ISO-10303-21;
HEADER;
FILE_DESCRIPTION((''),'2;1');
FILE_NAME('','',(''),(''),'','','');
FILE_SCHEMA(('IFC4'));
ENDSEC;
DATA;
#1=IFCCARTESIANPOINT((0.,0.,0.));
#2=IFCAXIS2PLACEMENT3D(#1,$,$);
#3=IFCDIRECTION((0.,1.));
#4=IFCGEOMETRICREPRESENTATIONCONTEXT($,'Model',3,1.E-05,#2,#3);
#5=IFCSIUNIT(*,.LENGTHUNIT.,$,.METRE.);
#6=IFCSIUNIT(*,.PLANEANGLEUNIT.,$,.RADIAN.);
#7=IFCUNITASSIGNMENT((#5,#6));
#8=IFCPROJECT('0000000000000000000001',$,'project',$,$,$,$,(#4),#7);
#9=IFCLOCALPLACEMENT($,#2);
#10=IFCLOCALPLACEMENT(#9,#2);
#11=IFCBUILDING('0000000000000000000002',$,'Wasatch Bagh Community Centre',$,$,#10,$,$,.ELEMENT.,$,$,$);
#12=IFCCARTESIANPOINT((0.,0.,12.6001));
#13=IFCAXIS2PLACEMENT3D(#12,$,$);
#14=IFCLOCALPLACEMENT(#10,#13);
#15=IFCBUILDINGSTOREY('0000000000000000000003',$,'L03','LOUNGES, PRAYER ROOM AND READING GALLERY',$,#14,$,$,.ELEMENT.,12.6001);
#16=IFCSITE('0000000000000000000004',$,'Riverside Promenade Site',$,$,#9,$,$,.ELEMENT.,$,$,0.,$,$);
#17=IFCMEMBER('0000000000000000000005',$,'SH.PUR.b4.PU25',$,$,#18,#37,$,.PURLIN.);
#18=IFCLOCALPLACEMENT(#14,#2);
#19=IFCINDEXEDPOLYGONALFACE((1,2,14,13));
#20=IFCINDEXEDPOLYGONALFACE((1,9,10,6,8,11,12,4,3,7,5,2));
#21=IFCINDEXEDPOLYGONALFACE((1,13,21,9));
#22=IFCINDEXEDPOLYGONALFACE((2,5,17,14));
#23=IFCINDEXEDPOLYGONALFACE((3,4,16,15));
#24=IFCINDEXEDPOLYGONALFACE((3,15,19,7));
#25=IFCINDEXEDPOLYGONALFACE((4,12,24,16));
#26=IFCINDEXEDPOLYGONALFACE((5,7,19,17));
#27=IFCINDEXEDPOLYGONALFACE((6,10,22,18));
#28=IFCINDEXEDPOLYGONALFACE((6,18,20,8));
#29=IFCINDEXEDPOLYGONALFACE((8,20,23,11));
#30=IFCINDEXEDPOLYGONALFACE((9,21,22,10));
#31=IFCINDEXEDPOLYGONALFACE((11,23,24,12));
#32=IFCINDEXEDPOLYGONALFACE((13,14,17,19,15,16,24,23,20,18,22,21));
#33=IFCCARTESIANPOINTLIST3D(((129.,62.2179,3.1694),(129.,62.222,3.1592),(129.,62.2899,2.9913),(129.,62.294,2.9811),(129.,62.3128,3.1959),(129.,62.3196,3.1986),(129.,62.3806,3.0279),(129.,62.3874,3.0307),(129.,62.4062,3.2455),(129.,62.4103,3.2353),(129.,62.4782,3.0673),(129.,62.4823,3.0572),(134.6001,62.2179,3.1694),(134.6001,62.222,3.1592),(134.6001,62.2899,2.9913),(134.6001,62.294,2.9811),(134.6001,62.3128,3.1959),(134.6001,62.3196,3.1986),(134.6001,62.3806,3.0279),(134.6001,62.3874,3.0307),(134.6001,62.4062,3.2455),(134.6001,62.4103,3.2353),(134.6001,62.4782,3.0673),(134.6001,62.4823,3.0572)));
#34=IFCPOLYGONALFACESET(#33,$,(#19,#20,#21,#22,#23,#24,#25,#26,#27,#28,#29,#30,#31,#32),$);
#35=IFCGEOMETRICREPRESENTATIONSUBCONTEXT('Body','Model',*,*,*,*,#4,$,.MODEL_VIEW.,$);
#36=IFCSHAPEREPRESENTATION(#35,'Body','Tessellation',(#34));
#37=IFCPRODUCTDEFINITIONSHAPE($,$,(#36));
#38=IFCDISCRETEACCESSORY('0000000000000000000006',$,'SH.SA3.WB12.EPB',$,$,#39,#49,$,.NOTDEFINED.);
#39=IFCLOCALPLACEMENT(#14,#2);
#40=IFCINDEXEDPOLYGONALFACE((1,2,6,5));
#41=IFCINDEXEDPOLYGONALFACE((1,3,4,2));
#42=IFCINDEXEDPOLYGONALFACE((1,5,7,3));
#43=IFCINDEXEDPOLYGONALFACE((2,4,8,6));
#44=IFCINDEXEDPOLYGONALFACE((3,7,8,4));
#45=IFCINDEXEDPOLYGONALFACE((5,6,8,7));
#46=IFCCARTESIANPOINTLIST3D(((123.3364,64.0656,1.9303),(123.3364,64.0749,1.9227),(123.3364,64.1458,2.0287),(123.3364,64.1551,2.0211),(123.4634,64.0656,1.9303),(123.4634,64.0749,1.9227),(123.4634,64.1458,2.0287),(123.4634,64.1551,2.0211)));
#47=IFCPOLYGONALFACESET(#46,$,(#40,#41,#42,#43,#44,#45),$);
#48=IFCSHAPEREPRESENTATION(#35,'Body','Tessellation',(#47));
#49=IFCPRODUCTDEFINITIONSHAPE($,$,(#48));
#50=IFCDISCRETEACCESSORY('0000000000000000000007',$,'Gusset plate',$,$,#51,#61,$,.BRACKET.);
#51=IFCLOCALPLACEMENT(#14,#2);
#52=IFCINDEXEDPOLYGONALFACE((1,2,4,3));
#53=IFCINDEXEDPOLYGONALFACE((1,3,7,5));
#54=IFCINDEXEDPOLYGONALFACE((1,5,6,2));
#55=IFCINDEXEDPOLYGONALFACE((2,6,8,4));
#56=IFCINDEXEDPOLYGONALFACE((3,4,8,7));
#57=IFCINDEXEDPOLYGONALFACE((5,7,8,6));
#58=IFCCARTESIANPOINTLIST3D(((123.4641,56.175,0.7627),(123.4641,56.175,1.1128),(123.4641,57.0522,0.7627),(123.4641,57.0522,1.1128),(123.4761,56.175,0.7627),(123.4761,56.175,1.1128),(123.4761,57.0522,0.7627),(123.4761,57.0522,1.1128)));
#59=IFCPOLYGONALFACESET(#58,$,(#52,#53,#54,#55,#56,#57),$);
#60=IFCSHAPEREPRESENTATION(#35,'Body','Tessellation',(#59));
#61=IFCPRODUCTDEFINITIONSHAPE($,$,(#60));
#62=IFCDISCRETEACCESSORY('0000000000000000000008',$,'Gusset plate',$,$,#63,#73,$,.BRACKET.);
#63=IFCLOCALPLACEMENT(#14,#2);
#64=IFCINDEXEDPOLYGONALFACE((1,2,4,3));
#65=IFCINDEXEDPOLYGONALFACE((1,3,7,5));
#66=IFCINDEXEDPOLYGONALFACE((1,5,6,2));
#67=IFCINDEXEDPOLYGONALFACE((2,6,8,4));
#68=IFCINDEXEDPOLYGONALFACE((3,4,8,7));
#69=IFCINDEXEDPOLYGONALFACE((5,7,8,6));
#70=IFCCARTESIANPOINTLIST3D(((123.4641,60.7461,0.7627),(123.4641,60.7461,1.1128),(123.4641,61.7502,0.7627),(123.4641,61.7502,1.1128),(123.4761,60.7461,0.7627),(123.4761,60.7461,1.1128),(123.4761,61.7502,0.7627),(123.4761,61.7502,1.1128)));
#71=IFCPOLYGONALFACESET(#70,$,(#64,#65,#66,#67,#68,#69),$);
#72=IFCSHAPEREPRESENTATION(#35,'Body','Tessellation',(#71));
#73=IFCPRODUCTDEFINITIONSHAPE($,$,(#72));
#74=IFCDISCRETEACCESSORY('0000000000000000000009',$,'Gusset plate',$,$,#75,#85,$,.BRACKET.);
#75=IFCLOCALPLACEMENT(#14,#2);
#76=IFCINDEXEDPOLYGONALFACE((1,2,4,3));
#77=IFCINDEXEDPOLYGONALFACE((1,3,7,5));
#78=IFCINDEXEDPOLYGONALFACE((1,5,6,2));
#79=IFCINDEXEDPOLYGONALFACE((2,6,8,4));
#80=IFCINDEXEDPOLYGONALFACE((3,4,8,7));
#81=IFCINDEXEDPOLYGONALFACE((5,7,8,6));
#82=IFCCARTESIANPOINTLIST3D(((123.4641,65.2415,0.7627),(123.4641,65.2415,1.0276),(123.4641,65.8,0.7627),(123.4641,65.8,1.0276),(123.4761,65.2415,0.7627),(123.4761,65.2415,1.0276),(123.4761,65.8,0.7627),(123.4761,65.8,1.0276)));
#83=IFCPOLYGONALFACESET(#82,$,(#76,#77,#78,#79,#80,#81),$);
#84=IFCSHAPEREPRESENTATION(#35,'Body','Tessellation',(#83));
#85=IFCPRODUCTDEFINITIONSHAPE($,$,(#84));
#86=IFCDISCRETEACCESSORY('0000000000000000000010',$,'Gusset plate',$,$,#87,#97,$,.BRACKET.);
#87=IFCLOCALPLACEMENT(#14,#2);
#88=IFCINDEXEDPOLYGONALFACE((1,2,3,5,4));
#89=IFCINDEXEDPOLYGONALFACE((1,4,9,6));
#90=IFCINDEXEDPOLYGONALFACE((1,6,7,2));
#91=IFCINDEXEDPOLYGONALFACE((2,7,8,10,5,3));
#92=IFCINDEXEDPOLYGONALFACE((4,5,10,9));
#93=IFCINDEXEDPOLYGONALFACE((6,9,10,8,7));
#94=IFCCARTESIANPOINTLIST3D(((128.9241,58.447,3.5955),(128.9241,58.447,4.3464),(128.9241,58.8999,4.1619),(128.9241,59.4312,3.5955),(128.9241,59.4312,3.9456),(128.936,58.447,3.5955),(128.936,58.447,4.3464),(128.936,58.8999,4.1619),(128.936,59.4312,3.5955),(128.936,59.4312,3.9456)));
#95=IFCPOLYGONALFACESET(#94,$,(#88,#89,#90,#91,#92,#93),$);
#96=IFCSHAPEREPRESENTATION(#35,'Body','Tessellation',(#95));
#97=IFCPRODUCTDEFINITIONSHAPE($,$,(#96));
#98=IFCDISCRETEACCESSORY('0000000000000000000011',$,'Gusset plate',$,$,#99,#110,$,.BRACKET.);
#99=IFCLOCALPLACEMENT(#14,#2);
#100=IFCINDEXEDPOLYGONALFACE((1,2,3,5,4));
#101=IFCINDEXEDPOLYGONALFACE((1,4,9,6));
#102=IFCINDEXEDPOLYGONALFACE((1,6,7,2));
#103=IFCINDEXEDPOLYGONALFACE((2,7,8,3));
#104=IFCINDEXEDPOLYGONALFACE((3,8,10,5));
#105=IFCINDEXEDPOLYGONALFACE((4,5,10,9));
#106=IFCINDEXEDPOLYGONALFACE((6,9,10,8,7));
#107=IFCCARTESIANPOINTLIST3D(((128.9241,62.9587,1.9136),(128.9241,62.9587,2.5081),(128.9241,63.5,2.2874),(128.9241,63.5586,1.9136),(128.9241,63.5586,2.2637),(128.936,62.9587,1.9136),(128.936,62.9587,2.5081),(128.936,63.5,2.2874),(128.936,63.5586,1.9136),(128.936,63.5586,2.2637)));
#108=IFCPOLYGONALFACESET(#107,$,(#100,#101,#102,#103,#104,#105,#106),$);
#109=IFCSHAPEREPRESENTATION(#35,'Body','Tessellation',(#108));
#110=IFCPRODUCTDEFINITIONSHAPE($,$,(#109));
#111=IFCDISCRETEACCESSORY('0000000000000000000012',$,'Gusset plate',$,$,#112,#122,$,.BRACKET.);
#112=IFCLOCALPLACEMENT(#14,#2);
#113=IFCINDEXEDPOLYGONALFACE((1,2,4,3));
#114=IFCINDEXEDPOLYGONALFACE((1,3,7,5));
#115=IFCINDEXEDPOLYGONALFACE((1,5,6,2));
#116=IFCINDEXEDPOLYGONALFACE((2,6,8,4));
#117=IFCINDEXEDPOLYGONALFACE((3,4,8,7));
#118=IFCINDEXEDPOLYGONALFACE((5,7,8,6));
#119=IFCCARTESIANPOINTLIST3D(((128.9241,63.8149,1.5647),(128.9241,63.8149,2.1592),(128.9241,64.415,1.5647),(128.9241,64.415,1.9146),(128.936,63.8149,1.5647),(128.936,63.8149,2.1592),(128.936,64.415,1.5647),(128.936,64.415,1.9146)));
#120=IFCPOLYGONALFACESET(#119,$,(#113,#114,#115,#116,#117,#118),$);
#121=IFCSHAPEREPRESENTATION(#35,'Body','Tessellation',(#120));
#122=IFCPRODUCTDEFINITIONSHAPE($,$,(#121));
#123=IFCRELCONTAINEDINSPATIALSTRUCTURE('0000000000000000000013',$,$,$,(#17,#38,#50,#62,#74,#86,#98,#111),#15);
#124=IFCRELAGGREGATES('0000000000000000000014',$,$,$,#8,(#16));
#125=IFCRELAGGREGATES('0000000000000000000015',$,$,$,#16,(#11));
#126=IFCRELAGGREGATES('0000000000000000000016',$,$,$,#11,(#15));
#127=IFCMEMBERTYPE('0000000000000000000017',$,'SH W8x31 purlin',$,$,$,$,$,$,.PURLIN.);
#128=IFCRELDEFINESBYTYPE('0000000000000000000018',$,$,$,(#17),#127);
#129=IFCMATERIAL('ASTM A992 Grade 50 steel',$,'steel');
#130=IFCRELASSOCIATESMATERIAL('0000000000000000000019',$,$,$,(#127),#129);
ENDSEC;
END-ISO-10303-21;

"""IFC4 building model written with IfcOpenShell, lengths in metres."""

from ifc_helpers import new_model, si_unit, direction, frame, origin, origin_2d, place, context, subcontext, project, spatial, polyline, rectangle, i_section, outline, extrude, material, material_profile, profile_set, type_object, element, save


model = new_model("IFC4")

# Units and contexts
model_context = context("Model", 3, precision=1e-05, world=origin(), true_north=direction((0.0, 1.0)))
body_context = subcontext(model_context, "Body", "Model", "MODEL_VIEW")
ifc_project = project(units=[si_unit("LENGTHUNIT", "METRE"), si_unit("PLANEANGLEUNIT", "RADIAN")], contexts=[model_context])

# Site, building, storey
site_placement = place(None, origin())
site = spatial("IfcSite", under=ifc_project, at=site_placement, Name="Riverside Promenade Site", CompositionType="ELEMENT", RefElevation=0.0)
building_placement = place(site_placement, origin())
building = spatial("IfcBuilding", under=site, at=building_placement, Name="Wasatch Bagh Community Centre", CompositionType="ELEMENT")
storey_placement = place(building_placement, frame((0.0, 0.0, 12.6001)))
storey = spatial("IfcBuildingStorey", under=building, at=storey_placement, Name="L03", Description="LOUNGES, PRAYER ROOM AND READING GALLERY", CompositionType="ELEMENT", Elevation=12.6001)

# Member
ifc_material_1 = material(Name="ASTM A992 Grade 50 steel", Category="steel")
ifc_material_profile_1 = material_profile(ifc_material_1, i_section(OverallWidth=0.2031, OverallDepth=0.2031, WebThickness=0.0073, FlangeThickness=0.011, at=origin_2d()), Name="W8x31")
ifc_profile_set_1 = profile_set([ifc_material_profile_1], Name="ASTM A992 Grade 50 steel")
member_type_1 = type_object("IfcMemberType", Name="SH W8x31 purlin", PredefinedType="PURLIN", material=ifc_profile_set_1)
for number, where, z_axis, x_axis, name in (
    (1, (129.0, 62.3501, 3.1133), (1.0, 0.0, 0.0), (0.0, 0.927184, 0.374607), "SH.PUR.b4.PU25"),
):
    element("IfcMember", number, at=place(storey_placement, frame(where, z_axis=z_axis, x_axis=x_axis)), inside=storey, type_object=member_type_1, Name=name, PredefinedType="PURLIN", context=body_context, shape_type="SweptSolid", body=[
        extrude(i_section(OverallWidth=0.2031, OverallDepth=0.2031, WebThickness=0.0073, FlangeThickness=0.011, at=origin_2d()), origin(), (0.0, 0.0, 1.0), 5.6001),
    ])

# Discrete accessories
discrete_accessory_1_placement = place(storey_placement, frame((123.3999, 64.115, 1.9719), z_axis=(0.0, -0.774865, 0.632127), x_axis=(1.0, 0.0, 0.0)))
element("IfcDiscreteAccessory", 2, at=discrete_accessory_1_placement, inside=storey, Name="SH.SA3.WB12.EPB", PredefinedType="NOTDEFINED", context=body_context, shape_type="SweptSolid", body=[
    extrude(rectangle(XDim=0.127, YDim=0.127, at=origin_2d()), origin(), (0.0, 0.0, 1.0), 0.012),
])
discrete_accessory_2_placement = place(storey_placement, frame((123.4761, 56.175, 0.7627), z_axis=(1.0, 0.0, 0.0), x_axis=(0.0, 1.0, 0.0)))
element("IfcDiscreteAccessory", 3, at=discrete_accessory_2_placement, inside=storey, Name="Gusset plate", PredefinedType="BRACKET", context=body_context, shape_type="SweptSolid", body=[
    extrude(outline(polyline([(0.0, 0.0), (0.8772, 0.0), (0.8772, 0.3501), (0.0, 0.3501), (0.0, 0.0)])), origin(), (0.0, 0.0, -1.0), 0.012),
])
discrete_accessory_3_placement = place(storey_placement, frame((123.4761, 60.7461, 0.7627), z_axis=(1.0, 0.0, 0.0), x_axis=(0.0, 1.0, 0.0)))
element("IfcDiscreteAccessory", 4, at=discrete_accessory_3_placement, inside=storey, Name="Gusset plate", PredefinedType="BRACKET", context=body_context, shape_type="SweptSolid", body=[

### Assignment:
Give back the opening line of the records above and every line after it, up to and including the one with "#29=IFCINDEXEDPOLYGONALFACE((8,20,23,11));", unchanged.

### Final answer:
ISO-10303-21;
HEADER;
FILE_DESCRIPTION((''),'2;1');
FILE_NAME('','',(''),(''),'','','');
FILE_SCHEMA(('IFC4'));
ENDSEC;
DATA;
#1=IFCCARTESIANPOINT((0.,0.,0.));
#2=IFCAXIS2PLACEMENT3D(#1,$,$);
#3=IFCDIRECTION((0.,1.));
#4=IFCGEOMETRICREPRESENTATIONCONTEXT($,'Model',3,1.E-05,#2,#3);
#5=IFCSIUNIT(*,.LENGTHUNIT.,$,.METRE.);
#6=IFCSIUNIT(*,.PLANEANGLEUNIT.,$,.RADIAN.);
#7=IFCUNITASSIGNMENT((#5,#6));
#8=IFCPROJECT('0000000000000000000001',$,'project',$,$,$,$,(#4),#7);
#9=IFCLOCALPLACEMENT($,#2);
#10=IFCLOCALPLACEMENT(#9,#2);
#11=IFCBUILDING('0000000000000000000002',$,'Wasatch Bagh Community Centre',$,$,#10,$,$,.ELEMENT.,$,$,$);
#12=IFCCARTESIANPOINT((0.,0.,12.6001));
#13=IFCAXIS2PLACEMENT3D(#12,$,$);
#14=IFCLOCALPLACEMENT(#10,#13);
#15=IFCBUILDINGSTOREY('0000000000000000000003',$,'L03','LOUNGES, PRAYER ROOM AND READING GALLERY',$,#14,$,$,.ELEMENT.,12.6001);
#16=IFCSITE('0000000000000000000004',$,'Riverside Promenade Site',$,$,#9,$,$,.ELEMENT.,$,$,0.,$,$);
#17=IFCMEMBER('0000000000000000000005',$,'SH.PUR.b4.PU25',$,$,#18,#37,$,.PURLIN.);
#18=IFCLOCALPLACEMENT(#14,#2);
#19=IFCINDEXEDPOLYGONALFACE((1,2,14,13));
#20=IFCINDEXEDPOLYGONALFACE((1,9,10,6,8,11,12,4,3,7,5,2));
#21=IFCINDEXEDPOLYGONALFACE((1,13,21,9));
#22=IFCINDEXEDPOLYGONALFACE((2,5,17,14));
#23=IFCINDEXEDPOLYGONALFACE((3,4,16,15));
#24=IFCINDEXEDPOLYGONALFACE((3,15,19,7));
#25=IFCINDEXEDPOLYGONALFACE((4,12,24,16));
#26=IFCINDEXEDPOLYGONALFACE((5,7,19,17));
#27=IFCINDEXEDPOLYGONALFACE((6,10,22,18));
#28=IFCINDEXEDPOLYGONALFACE((6,18,20,8));
#29=IFCINDEXEDPOLYGONALFACE((8,20,23,11));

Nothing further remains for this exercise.